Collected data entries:
....................
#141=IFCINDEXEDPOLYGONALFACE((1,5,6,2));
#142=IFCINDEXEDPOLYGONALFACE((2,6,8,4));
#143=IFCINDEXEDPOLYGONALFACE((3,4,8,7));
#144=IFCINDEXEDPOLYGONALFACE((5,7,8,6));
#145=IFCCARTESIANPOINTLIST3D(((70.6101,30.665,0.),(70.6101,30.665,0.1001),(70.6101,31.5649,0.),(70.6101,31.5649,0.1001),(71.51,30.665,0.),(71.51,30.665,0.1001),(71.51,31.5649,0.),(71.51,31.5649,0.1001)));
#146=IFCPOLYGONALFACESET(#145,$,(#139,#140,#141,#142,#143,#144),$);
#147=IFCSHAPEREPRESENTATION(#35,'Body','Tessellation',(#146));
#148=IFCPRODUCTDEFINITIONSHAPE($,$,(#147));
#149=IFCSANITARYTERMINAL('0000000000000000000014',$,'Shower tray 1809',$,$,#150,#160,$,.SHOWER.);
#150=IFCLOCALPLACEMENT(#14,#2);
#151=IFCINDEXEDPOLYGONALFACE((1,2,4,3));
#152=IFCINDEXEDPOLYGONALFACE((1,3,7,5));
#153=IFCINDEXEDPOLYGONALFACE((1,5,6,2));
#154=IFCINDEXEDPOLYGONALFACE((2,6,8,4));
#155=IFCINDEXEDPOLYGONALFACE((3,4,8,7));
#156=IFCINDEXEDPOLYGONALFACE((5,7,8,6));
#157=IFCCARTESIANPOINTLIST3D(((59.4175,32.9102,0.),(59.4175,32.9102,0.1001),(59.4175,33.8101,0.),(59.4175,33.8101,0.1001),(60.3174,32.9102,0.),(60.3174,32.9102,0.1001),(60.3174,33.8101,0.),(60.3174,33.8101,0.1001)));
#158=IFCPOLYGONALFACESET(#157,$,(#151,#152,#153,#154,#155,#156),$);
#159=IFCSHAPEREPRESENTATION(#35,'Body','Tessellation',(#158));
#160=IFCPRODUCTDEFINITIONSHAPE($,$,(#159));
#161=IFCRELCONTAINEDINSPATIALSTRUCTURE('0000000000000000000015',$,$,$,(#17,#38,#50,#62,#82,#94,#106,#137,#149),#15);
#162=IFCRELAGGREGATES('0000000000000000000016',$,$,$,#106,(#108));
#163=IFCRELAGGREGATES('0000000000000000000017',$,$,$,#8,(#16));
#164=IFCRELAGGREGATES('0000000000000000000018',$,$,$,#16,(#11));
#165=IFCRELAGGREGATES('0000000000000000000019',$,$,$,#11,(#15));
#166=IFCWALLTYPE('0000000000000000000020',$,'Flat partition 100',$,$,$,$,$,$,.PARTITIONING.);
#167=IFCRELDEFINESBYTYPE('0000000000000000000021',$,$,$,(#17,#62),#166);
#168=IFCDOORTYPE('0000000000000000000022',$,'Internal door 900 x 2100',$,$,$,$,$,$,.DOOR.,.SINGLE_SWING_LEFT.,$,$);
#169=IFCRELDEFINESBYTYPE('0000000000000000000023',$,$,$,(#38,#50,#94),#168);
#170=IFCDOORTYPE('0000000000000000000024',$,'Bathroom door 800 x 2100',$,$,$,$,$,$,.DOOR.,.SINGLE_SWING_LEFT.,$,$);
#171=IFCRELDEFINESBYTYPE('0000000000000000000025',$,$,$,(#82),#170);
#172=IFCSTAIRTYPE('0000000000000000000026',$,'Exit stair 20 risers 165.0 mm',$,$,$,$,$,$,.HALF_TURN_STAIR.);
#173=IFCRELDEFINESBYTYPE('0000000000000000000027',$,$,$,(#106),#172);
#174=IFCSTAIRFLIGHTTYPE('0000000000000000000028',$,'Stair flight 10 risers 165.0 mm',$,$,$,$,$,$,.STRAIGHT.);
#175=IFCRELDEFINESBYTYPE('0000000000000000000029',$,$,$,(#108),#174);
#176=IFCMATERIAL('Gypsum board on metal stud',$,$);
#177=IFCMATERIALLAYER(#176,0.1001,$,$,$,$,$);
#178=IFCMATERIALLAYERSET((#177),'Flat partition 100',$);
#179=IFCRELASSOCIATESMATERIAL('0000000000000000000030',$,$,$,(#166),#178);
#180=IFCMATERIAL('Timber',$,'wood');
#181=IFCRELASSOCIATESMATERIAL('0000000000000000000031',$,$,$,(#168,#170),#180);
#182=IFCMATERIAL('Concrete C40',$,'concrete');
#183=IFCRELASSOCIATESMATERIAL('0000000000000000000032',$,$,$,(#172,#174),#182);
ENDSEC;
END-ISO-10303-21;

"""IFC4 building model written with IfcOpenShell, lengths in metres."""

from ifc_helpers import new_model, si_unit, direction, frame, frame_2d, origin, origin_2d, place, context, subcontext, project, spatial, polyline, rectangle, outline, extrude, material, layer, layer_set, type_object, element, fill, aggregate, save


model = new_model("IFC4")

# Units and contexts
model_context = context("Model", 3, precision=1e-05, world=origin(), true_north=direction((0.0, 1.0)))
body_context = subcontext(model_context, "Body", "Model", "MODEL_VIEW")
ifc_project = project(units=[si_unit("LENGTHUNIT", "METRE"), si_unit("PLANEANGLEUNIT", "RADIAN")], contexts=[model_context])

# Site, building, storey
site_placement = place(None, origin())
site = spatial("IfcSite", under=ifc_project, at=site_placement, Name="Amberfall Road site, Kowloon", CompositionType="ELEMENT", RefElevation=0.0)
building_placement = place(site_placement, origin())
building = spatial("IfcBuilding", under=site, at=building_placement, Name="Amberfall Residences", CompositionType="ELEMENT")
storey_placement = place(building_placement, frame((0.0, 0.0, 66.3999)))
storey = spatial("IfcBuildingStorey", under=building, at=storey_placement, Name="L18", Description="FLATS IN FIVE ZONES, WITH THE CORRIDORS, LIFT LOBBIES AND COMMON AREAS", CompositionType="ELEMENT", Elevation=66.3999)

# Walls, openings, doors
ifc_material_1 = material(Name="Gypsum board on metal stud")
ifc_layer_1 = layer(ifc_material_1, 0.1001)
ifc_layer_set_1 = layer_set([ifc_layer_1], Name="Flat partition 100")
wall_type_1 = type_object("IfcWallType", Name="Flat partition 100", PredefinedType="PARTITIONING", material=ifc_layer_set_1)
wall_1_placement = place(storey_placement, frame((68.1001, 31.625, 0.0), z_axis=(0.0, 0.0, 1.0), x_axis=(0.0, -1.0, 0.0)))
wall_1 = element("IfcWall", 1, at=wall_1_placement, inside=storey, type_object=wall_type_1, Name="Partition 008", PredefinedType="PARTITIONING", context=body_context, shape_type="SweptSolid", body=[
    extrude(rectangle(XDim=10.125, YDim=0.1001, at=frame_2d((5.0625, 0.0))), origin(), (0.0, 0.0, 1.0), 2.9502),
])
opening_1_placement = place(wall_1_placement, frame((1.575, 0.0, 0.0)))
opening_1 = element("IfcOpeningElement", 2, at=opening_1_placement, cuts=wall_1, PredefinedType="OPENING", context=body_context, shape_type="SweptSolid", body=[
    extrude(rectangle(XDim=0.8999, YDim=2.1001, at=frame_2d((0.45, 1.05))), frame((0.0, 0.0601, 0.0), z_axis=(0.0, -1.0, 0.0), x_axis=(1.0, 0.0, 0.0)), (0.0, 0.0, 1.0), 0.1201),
....................
- _HOW TO COMPLETE THIS TASK_: Across all the records, find the lines containing the word "PARTITIONING" and reproduce each one.

- _SOLUTION TO THE PROBLEM_:
#166=IFCWALLTYPE('0000000000000000000020',$,'Flat partition 100',$,$,$,$,$,$,.PARTITIONING.);
wall_type_1 = type_object("IfcWallType", Name="Flat partition 100", PredefinedType="PARTITIONING", material=ifc_layer_set_1)
wall_1 = element("IfcWall", 1, at=wall_1_placement, inside=storey, type_object=wall_type_1, Name="Partition 008", PredefinedType="PARTITIONING", context=body_context, shape_type="SweptSolid", body=[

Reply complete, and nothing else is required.